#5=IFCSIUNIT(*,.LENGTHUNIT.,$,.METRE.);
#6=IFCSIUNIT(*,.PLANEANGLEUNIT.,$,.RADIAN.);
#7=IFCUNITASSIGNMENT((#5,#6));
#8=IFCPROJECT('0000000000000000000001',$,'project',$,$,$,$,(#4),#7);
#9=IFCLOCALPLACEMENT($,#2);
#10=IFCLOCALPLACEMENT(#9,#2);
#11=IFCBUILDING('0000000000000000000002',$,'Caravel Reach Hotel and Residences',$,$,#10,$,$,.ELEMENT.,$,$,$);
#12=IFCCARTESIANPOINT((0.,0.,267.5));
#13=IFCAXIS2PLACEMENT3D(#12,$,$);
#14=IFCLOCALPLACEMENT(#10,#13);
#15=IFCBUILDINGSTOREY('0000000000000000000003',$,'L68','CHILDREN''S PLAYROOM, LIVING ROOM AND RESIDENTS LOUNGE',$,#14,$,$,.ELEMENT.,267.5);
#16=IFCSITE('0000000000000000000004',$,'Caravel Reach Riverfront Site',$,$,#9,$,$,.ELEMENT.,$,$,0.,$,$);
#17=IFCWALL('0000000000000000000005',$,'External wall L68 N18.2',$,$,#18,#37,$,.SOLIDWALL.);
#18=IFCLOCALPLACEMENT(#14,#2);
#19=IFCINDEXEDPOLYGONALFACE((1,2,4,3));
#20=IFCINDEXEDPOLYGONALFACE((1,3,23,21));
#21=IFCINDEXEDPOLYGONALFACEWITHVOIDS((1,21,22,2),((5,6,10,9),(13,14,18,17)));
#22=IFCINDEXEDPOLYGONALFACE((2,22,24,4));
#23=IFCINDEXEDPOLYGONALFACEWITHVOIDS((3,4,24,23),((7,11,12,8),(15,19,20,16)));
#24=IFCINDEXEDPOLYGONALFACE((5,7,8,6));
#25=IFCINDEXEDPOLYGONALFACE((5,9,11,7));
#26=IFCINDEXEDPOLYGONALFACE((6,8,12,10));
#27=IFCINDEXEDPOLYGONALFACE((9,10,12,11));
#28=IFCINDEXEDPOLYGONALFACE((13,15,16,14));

==

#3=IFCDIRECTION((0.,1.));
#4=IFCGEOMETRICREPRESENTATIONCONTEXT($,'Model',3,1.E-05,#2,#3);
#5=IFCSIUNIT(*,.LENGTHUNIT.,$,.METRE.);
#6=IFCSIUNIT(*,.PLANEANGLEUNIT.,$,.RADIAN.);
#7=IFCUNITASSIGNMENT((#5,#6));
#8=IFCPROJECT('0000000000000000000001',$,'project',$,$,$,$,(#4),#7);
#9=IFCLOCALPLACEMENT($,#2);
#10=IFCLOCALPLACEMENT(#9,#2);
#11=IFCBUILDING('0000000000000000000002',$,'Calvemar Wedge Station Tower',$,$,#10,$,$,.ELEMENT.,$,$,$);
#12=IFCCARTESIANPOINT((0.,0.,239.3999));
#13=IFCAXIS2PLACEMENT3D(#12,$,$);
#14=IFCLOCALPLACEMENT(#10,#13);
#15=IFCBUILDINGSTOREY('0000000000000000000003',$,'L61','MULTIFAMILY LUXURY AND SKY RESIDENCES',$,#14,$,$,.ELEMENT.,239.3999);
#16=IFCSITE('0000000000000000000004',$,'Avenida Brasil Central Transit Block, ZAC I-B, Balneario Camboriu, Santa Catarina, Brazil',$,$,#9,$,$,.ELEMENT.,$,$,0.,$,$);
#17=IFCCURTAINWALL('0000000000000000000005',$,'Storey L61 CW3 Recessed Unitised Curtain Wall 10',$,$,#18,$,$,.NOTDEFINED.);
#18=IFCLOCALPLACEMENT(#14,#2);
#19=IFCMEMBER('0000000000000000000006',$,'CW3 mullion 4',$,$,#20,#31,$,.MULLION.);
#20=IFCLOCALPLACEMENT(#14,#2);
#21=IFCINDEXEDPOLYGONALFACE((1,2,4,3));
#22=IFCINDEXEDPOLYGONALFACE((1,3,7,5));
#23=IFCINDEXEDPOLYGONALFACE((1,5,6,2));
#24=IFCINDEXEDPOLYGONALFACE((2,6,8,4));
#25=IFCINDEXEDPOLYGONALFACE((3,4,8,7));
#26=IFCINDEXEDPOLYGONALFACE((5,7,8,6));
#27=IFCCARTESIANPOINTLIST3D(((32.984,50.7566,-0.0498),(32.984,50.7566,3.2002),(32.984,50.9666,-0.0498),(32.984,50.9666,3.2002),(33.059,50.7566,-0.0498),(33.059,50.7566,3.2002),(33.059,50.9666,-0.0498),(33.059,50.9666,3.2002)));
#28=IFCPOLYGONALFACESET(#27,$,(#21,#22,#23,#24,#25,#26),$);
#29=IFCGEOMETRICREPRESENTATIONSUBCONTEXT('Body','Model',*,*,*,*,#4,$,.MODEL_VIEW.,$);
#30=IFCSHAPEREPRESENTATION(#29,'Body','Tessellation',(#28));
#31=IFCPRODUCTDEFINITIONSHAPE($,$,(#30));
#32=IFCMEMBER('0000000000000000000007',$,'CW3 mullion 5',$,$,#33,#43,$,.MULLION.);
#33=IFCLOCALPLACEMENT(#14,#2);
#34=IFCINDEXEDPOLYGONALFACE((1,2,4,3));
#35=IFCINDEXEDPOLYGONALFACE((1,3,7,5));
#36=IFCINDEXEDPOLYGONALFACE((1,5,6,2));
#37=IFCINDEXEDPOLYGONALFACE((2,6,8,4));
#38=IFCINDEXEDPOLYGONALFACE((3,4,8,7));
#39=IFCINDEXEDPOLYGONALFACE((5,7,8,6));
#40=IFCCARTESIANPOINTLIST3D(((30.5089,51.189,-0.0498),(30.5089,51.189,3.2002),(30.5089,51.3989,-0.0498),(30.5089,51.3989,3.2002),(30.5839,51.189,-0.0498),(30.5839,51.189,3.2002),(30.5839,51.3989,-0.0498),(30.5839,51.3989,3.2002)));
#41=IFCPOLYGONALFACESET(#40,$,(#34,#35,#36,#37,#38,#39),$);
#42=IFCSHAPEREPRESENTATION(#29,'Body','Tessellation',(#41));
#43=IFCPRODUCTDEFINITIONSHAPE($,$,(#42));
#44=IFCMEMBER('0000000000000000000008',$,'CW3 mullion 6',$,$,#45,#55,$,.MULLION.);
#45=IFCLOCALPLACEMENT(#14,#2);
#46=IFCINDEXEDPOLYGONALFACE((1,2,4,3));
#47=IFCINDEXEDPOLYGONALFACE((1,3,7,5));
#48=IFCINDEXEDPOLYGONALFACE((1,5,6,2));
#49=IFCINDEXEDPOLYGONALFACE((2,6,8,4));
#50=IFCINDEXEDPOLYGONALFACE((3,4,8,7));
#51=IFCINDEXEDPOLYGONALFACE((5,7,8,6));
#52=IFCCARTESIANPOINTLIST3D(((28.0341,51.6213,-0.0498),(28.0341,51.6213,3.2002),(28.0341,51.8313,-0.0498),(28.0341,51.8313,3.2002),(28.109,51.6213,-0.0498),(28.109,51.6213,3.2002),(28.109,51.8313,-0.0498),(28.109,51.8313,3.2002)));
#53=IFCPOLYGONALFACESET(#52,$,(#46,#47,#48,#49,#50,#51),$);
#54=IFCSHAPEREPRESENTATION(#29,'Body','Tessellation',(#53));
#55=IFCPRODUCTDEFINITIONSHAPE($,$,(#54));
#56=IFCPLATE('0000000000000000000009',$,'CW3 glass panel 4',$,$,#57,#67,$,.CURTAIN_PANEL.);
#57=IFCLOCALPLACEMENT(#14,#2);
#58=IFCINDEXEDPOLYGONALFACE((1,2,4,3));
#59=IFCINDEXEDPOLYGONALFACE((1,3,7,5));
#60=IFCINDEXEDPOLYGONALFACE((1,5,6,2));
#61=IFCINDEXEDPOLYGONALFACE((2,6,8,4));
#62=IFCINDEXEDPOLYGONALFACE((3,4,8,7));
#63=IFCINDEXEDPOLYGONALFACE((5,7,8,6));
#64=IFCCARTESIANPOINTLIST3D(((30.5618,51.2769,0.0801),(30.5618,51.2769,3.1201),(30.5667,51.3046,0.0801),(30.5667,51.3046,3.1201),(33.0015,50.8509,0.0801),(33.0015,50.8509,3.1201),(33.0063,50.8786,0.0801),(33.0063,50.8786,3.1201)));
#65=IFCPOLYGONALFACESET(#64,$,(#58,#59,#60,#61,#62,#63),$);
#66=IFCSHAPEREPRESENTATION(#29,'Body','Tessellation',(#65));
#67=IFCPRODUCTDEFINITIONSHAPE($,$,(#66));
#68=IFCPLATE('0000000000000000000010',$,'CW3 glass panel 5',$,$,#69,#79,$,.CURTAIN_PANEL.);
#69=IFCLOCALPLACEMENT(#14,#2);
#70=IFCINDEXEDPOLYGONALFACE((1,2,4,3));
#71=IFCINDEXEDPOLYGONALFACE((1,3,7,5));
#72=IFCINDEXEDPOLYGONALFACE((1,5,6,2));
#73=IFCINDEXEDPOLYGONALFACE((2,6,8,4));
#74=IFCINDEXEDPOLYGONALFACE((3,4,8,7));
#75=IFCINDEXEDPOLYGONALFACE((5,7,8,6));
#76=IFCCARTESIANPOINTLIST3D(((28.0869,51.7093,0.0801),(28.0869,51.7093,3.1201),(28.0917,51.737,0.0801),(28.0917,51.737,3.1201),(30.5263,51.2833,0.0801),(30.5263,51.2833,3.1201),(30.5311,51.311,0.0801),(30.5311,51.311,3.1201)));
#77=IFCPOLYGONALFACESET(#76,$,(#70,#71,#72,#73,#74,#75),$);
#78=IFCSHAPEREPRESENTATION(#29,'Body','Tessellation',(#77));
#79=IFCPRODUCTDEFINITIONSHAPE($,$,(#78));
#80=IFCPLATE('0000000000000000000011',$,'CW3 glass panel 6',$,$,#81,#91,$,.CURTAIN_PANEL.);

==

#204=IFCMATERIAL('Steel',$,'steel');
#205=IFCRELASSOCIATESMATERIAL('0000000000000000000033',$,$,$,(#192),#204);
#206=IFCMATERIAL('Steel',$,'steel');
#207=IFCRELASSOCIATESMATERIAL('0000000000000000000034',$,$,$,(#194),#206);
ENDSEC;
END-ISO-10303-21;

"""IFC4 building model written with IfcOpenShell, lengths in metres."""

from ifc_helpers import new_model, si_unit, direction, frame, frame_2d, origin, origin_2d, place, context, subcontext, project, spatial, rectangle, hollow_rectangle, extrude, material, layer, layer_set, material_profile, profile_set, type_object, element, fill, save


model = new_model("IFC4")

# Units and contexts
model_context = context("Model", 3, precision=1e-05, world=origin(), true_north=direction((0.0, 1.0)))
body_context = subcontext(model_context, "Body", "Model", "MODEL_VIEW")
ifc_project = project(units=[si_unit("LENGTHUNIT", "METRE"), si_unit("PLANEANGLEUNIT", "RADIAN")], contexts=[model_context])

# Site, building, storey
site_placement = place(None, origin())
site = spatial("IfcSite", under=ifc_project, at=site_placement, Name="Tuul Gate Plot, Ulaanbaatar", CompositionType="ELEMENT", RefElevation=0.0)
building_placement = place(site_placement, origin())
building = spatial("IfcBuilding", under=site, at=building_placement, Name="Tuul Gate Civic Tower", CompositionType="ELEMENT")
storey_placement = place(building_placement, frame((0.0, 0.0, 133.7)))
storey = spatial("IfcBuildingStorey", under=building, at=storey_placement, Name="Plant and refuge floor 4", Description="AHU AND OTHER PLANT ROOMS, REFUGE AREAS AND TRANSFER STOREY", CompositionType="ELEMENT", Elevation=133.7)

Activity: Your answer should be the lines above, from the line containing "#11=IFCBUILDING('0000000000000000000002',$,'Caravel Reach Hotel" up to and including the line containing "#28=IFCINDEXEDPOLYGONALFACE((13,15,16,14));", reproduced exactly and with nothing else.

Answer to this exercise:
#11=IFCBUILDING('0000000000000000000002',$,'Caravel Reach Hotel and Residences',$,$,#10,$,$,.ELEMENT.,$,$,$);
#12=IFCCARTESIANPOINT((0.,0.,267.5));
#13=IFCAXIS2PLACEMENT3D(#12,$,$);
#14=IFCLOCALPLACEMENT(#10,#13);
#15=IFCBUILDINGSTOREY('0000000000000000000003',$,'L68','CHILDREN''S PLAYROOM, LIVING ROOM AND RESIDENTS LOUNGE',$,#14,$,$,.ELEMENT.,267.5);
#16=IFCSITE('0000000000000000000004',$,'Caravel Reach Riverfront Site',$,$,#9,$,$,.ELEMENT.,$,$,0.,$,$);
#17=IFCWALL('0000000000000000000005',$,'External wall L68 N18.2',$,$,#18,#37,$,.SOLIDWALL.);
#18=IFCLOCALPLACEMENT(#14,#2);
#19=IFCINDEXEDPOLYGONALFACE((1,2,4,3));
#20=IFCINDEXEDPOLYGONALFACE((1,3,23,21));
#21=IFCINDEXEDPOLYGONALFACEWITHVOIDS((1,21,22,2),((5,6,10,9),(13,14,18,17)));
#22=IFCINDEXEDPOLYGONALFACE((2,22,24,4));
#23=IFCINDEXEDPOLYGONALFACEWITHVOIDS((3,4,24,23),((7,11,12,8),(15,19,20,16)));
#24=IFCINDEXEDPOLYGONALFACE((5,7,8,6));
#25=IFCINDEXEDPOLYGONALFACE((5,9,11,7));
#26=IFCINDEXEDPOLYGONALFACE((6,8,12,10));
#27=IFCINDEXEDPOLYGONALFACE((9,10,12,11));
#28=IFCINDEXEDPOLYGONALFACE((13,15,16,14));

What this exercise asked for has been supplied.